*Exercise aim*.
Copy out each line of the listing below in which the string "IFCMATERIALLAYERSET" occurs.

(Task data Opens)

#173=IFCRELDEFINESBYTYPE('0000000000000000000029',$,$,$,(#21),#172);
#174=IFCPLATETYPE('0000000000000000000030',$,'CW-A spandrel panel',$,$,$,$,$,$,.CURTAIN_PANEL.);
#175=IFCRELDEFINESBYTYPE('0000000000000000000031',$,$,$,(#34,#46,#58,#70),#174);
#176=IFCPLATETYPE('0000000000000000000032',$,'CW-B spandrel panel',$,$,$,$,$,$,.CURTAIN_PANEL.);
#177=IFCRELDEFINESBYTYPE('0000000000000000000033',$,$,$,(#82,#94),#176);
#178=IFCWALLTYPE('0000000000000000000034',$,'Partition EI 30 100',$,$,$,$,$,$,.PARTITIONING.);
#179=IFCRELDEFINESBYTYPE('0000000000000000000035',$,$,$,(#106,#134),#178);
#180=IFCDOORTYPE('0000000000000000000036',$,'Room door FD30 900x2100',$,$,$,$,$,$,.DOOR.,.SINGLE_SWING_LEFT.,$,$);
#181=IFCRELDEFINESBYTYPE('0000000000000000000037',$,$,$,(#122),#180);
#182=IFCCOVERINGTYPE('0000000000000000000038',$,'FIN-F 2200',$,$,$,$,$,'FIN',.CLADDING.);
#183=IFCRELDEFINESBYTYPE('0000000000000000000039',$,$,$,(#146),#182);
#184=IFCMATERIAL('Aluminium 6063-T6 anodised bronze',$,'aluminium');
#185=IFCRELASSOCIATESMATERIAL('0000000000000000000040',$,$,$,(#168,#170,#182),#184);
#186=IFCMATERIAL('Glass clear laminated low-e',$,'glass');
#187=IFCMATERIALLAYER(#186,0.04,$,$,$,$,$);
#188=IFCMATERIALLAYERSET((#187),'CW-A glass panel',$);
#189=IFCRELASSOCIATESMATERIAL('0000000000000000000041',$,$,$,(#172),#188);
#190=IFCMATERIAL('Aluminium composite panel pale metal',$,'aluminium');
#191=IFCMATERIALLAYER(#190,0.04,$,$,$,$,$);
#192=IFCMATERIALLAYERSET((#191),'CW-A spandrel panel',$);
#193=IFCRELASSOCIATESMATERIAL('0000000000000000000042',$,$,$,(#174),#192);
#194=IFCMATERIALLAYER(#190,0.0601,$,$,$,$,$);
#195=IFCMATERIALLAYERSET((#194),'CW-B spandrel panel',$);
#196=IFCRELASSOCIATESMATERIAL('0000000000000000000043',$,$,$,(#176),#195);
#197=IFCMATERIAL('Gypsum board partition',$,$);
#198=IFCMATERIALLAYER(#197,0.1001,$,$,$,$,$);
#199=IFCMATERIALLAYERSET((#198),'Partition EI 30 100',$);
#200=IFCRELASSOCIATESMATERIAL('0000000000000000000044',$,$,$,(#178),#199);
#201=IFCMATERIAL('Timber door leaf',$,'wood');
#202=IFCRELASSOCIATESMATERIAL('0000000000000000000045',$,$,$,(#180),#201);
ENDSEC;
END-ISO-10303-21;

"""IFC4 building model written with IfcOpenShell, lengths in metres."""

(Task data Closes)
(Task data Opens)

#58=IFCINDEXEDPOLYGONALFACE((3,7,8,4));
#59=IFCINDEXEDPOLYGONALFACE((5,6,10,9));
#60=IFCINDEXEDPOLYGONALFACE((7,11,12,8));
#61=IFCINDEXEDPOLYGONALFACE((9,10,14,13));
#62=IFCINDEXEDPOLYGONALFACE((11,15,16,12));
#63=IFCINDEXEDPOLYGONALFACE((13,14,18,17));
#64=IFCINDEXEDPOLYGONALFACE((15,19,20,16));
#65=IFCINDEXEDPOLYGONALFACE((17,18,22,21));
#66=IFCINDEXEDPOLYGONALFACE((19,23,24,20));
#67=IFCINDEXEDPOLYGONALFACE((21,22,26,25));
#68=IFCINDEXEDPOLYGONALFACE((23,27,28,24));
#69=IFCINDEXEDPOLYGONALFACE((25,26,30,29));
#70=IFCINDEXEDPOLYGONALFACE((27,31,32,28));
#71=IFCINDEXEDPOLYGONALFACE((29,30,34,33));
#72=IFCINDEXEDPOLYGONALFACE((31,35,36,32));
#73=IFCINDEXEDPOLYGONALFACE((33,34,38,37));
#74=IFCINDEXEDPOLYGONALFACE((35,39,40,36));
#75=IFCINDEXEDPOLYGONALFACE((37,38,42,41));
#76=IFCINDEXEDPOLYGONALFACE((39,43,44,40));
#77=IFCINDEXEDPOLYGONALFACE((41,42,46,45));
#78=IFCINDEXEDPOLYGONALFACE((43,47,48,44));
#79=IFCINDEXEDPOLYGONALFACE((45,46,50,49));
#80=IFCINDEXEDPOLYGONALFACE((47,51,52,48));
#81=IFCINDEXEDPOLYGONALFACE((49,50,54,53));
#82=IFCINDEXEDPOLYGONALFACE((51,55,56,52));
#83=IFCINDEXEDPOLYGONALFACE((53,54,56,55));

(Task data Closes)

*Result for this exercise*.
#188=IFCMATERIALLAYERSET((#187),'CW-A glass panel',$);
#192=IFCMATERIALLAYERSET((#191),'CW-A spandrel panel',$);
#195=IFCMATERIALLAYERSET((#194),'CW-B spandrel panel',$);
#199=IFCMATERIALLAYERSET((#198),'Partition EI 30 100',$);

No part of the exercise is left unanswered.